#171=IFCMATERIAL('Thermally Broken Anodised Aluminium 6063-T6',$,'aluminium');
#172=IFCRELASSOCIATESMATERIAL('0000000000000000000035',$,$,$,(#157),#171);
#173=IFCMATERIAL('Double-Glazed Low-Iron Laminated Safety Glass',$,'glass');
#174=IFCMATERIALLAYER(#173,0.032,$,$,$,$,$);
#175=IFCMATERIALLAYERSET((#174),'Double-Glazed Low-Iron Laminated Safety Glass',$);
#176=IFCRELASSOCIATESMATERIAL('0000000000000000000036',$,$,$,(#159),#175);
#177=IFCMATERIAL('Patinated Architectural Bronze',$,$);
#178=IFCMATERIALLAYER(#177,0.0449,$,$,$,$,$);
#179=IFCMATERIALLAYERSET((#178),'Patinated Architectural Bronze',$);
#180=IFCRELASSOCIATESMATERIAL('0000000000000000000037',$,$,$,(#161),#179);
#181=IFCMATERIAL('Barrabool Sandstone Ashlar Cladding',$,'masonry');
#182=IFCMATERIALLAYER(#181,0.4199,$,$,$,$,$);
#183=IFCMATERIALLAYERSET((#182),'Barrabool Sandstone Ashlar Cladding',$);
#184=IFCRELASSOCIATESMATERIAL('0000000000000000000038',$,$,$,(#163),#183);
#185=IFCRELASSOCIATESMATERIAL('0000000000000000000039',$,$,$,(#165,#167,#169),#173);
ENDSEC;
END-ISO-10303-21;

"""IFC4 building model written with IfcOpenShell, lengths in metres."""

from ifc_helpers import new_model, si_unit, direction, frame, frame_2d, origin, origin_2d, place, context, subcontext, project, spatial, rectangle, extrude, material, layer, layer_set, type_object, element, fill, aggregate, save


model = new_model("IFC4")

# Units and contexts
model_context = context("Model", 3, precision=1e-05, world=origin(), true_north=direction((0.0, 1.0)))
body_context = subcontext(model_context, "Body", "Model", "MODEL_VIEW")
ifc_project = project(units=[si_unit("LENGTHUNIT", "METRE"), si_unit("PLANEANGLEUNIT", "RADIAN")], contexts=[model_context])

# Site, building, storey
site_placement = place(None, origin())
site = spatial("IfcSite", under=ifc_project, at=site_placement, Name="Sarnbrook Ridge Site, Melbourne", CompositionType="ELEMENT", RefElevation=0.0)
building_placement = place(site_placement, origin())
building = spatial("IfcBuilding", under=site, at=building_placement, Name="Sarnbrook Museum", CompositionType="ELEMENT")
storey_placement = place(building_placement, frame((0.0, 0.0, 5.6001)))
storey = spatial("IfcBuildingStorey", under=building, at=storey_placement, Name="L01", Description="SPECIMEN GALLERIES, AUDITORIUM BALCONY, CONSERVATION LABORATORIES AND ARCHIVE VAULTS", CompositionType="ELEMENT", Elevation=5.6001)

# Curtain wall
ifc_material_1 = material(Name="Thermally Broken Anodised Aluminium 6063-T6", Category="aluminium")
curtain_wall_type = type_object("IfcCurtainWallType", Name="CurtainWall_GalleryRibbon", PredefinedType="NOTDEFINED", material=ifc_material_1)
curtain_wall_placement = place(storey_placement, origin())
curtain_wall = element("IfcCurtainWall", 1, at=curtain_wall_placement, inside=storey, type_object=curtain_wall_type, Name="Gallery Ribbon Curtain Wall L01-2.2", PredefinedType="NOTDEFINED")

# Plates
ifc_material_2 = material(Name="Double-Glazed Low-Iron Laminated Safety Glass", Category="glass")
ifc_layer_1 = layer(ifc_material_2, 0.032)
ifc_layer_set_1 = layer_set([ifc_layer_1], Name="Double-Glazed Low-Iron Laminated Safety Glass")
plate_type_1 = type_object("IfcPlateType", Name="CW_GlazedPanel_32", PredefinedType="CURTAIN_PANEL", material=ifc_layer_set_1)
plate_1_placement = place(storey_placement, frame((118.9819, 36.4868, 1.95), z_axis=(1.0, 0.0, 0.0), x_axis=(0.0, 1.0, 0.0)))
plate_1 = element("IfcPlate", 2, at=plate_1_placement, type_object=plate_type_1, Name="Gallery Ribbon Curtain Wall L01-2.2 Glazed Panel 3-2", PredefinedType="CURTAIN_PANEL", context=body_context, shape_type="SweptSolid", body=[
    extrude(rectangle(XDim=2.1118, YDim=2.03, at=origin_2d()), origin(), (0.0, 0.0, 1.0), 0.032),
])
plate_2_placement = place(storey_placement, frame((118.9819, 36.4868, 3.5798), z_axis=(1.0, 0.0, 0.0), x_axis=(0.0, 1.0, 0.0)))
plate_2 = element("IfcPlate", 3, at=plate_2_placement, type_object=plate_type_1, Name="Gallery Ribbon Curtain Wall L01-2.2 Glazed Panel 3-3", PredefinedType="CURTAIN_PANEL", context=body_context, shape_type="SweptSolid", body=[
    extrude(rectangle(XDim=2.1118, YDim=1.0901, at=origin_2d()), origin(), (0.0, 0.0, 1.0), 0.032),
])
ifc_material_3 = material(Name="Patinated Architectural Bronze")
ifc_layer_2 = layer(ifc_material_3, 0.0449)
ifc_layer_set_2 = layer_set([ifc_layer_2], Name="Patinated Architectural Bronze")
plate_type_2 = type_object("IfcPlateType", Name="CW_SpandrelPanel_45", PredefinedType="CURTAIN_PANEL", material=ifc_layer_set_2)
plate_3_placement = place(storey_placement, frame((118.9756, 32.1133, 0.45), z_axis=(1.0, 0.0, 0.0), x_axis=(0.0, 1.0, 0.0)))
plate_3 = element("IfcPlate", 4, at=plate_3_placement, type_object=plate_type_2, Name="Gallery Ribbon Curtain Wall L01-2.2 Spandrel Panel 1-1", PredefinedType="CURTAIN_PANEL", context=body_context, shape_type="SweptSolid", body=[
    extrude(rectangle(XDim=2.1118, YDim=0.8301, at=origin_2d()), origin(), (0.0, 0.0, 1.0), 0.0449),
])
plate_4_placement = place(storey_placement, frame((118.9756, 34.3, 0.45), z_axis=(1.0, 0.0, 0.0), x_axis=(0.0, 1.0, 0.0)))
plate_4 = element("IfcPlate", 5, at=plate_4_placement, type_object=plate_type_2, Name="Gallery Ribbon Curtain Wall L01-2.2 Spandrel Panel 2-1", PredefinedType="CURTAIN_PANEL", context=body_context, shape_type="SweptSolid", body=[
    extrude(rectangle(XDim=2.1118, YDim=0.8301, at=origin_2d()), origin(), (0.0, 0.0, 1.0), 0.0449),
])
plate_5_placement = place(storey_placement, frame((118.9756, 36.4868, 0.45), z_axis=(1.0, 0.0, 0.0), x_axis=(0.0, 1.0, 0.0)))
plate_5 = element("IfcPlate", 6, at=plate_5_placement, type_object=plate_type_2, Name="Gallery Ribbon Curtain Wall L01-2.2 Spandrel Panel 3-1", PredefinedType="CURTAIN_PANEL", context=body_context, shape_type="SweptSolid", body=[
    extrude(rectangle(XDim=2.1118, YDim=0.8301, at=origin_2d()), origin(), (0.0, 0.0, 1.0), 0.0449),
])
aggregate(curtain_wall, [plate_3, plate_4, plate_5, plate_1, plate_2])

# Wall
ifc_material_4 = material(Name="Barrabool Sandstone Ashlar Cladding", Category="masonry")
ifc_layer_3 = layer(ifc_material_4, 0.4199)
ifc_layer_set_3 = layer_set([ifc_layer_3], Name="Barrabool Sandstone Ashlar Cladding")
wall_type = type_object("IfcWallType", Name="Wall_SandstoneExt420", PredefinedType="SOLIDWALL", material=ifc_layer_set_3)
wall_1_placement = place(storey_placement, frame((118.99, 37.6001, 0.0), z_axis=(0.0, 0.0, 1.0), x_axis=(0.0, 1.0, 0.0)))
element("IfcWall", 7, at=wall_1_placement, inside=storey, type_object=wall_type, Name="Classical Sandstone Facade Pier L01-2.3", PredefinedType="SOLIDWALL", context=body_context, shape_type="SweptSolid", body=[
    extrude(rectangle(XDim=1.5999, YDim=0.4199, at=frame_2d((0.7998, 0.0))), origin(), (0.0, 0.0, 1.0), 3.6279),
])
+ + + + + + +
Filter the entries and copy out every line with the word "Laminated".

_Response:_
#173=IFCMATERIAL('Double-Glazed Low-Iron Laminated Safety Glass',$,'glass');
#175=IFCMATERIALLAYERSET((#174),'Double-Glazed Low-Iron Laminated Safety Glass',$);
ifc_material_2 = material(Name="Double-Glazed Low-Iron Laminated Safety Glass", Category="glass")
ifc_layer_set_1 = layer_set([ifc_layer_1], Name="Double-Glazed Low-Iron Laminated Safety Glass")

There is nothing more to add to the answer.